*** Opening Supplied data ***

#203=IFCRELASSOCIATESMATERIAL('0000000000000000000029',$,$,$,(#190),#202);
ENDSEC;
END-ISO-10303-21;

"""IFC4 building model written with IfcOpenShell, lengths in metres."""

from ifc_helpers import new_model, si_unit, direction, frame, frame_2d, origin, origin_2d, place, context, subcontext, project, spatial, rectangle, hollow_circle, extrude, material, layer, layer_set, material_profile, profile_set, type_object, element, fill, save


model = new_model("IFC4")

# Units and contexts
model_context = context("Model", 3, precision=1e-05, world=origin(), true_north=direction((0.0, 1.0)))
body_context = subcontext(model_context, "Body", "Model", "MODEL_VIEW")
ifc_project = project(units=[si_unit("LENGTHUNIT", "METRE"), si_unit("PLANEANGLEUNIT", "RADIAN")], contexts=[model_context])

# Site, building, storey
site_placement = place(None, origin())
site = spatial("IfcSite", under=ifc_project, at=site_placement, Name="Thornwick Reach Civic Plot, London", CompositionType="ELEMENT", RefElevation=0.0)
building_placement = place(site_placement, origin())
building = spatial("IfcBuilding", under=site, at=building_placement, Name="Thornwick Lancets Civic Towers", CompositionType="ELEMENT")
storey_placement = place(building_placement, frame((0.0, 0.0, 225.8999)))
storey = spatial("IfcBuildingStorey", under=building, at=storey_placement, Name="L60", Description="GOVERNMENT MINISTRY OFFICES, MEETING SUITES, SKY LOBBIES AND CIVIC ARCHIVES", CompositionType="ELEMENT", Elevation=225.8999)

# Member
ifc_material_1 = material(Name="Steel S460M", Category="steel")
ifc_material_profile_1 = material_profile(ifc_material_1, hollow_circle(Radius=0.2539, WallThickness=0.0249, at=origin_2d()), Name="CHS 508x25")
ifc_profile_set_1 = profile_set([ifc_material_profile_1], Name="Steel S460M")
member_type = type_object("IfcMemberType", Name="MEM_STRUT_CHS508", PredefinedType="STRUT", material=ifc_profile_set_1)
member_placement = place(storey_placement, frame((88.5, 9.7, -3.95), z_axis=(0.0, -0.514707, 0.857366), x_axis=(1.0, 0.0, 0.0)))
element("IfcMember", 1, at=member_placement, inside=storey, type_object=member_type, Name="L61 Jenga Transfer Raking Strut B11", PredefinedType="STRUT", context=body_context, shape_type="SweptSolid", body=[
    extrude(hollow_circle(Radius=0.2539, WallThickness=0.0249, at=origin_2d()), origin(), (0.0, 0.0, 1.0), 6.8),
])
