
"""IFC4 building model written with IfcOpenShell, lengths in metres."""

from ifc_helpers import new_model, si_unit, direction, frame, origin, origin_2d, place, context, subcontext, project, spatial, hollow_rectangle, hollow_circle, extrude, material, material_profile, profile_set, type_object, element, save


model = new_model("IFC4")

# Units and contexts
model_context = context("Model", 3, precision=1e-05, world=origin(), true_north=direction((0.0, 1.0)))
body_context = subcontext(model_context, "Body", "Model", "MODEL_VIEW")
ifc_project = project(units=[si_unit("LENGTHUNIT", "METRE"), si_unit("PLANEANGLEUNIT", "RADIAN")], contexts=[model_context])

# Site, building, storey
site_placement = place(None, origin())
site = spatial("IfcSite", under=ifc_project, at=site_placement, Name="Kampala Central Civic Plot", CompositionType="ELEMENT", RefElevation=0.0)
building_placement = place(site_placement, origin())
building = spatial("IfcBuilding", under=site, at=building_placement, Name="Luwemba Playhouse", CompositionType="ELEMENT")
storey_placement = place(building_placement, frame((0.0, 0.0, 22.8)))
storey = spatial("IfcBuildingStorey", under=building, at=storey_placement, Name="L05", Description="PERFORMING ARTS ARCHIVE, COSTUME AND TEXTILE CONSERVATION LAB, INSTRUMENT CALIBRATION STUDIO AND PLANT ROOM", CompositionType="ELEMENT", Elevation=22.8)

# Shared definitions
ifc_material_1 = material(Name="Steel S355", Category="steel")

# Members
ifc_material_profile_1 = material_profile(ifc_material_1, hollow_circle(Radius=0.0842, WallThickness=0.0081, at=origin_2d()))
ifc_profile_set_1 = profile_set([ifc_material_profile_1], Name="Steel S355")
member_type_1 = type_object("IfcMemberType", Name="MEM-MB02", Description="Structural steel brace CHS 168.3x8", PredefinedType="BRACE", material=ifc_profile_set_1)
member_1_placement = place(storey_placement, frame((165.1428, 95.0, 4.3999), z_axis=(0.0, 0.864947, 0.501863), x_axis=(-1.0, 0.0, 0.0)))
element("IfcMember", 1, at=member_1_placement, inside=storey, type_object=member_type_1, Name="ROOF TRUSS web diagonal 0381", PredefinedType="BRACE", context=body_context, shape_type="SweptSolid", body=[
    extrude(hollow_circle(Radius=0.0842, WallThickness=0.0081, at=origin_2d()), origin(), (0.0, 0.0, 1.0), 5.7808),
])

*** Closing Supplied data ***

Activity — Search the listing above for the string "RefElevation". Copy every line that contains it.

Reply —
site = spatial("IfcSite", under=ifc_project, at=site_placement, Name="Thornwick Reach Civic Plot, London", CompositionType="ELEMENT", RefElevation=0.0)
site = spatial("IfcSite", under=ifc_project, at=site_placement, Name="Kampala Central Civic Plot", CompositionType="ELEMENT", RefElevation=0.0)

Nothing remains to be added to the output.